■ **Data entries**:
>>>
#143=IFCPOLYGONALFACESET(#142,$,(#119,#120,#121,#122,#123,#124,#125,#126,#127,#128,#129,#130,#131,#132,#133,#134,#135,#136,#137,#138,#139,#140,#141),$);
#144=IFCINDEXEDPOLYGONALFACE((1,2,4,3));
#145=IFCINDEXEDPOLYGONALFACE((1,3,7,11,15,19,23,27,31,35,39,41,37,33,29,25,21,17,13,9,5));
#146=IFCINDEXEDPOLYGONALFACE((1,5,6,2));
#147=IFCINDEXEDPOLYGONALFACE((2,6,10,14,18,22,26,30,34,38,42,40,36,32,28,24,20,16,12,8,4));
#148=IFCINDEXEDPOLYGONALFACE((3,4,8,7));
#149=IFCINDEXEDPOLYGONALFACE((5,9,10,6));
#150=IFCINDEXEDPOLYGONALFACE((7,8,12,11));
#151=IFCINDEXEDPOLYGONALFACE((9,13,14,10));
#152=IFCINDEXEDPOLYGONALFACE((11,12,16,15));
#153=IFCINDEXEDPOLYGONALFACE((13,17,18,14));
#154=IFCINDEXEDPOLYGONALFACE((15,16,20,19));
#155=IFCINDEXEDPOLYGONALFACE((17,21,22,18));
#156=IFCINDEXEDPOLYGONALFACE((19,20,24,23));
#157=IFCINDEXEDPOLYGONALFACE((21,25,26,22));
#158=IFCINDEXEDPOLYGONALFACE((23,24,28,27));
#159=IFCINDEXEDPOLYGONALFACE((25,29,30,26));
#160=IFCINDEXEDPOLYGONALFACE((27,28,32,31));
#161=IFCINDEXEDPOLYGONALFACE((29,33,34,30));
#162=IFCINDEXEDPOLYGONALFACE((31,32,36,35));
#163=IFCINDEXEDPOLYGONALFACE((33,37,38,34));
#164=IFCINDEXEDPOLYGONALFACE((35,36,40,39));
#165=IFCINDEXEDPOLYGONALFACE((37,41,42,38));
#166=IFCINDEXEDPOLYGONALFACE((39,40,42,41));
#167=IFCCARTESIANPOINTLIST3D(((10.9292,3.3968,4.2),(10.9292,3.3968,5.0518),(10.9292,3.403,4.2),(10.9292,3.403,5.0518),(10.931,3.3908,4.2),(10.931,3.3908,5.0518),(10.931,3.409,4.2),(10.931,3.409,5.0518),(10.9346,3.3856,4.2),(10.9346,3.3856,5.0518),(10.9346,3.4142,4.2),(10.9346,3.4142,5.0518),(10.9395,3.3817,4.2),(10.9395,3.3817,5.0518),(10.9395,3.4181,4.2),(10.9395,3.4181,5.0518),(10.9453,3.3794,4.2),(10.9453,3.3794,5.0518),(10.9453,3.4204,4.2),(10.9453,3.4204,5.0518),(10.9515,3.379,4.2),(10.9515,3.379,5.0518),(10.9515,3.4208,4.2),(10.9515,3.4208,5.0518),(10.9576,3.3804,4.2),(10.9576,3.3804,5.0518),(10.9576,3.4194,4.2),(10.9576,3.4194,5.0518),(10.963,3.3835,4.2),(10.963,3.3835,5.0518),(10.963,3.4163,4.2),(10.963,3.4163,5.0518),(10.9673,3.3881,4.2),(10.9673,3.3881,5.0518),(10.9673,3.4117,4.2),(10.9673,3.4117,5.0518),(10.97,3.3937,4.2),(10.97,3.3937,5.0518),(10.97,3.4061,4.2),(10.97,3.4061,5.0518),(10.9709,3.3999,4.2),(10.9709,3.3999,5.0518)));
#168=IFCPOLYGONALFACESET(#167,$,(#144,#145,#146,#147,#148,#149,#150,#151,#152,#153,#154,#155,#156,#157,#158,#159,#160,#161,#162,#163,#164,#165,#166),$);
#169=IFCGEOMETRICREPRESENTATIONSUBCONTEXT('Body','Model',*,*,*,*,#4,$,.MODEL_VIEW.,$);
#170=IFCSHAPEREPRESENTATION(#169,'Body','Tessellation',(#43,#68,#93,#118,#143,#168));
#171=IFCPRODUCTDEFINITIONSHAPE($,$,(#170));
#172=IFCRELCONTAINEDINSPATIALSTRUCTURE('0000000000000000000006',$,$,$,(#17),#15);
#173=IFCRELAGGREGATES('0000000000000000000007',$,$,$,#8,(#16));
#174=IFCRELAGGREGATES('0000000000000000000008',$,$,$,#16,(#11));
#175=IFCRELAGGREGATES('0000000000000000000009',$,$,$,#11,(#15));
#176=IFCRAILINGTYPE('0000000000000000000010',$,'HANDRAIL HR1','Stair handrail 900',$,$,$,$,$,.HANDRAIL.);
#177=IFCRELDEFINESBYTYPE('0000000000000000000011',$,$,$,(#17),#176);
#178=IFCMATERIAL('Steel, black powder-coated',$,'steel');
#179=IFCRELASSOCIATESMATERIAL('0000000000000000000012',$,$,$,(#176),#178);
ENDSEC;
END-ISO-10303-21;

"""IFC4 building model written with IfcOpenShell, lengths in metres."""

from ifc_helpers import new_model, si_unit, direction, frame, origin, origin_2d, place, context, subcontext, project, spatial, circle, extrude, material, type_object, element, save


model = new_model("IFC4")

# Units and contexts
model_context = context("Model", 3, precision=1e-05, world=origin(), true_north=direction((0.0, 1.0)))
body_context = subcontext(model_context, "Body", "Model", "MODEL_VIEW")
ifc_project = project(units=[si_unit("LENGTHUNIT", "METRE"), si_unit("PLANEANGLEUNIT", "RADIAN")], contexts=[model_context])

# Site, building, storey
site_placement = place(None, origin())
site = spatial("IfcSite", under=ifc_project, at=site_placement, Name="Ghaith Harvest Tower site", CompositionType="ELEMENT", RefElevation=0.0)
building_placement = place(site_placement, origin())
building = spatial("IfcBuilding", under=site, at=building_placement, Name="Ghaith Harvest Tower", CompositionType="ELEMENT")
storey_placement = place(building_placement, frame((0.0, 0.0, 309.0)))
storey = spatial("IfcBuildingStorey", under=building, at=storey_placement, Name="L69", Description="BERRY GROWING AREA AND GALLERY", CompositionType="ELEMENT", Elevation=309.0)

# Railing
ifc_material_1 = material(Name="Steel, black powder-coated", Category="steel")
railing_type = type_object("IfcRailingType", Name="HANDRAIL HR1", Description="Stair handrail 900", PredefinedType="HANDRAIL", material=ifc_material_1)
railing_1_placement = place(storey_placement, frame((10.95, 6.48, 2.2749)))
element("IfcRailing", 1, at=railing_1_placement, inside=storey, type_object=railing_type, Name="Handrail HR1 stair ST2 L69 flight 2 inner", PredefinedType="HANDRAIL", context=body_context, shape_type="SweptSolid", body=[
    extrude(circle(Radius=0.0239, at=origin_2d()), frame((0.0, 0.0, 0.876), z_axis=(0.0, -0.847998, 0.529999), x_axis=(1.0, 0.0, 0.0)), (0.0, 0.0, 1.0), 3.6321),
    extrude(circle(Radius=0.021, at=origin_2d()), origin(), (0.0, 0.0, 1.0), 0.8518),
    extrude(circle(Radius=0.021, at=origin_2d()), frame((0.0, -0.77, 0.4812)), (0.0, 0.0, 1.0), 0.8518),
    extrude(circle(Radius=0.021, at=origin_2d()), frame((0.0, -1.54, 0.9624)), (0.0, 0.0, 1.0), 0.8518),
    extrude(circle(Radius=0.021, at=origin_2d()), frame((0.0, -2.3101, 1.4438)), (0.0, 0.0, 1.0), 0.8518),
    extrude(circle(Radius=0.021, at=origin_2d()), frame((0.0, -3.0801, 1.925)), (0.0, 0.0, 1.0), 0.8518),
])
<<<
■ **TASK STATEMENT**: Show every line above in which the word "IFCPOLYGONALFACESET" occurs.

■ **PROBLEM SOLUTION**:
#143=IFCPOLYGONALFACESET(#142,$,(#119,#120,#121,#122,#123,#124,#125,#126,#127,#128,#129,#130,#131,#132,#133,#134,#135,#136,#137,#138,#139,#140,#141),$);
#168=IFCPOLYGONALFACESET(#167,$,(#144,#145,#146,#147,#148,#149,#150,#151,#152,#153,#154,#155,#156,#157,#158,#159,#160,#161,#162,#163,#164,#165,#166),$);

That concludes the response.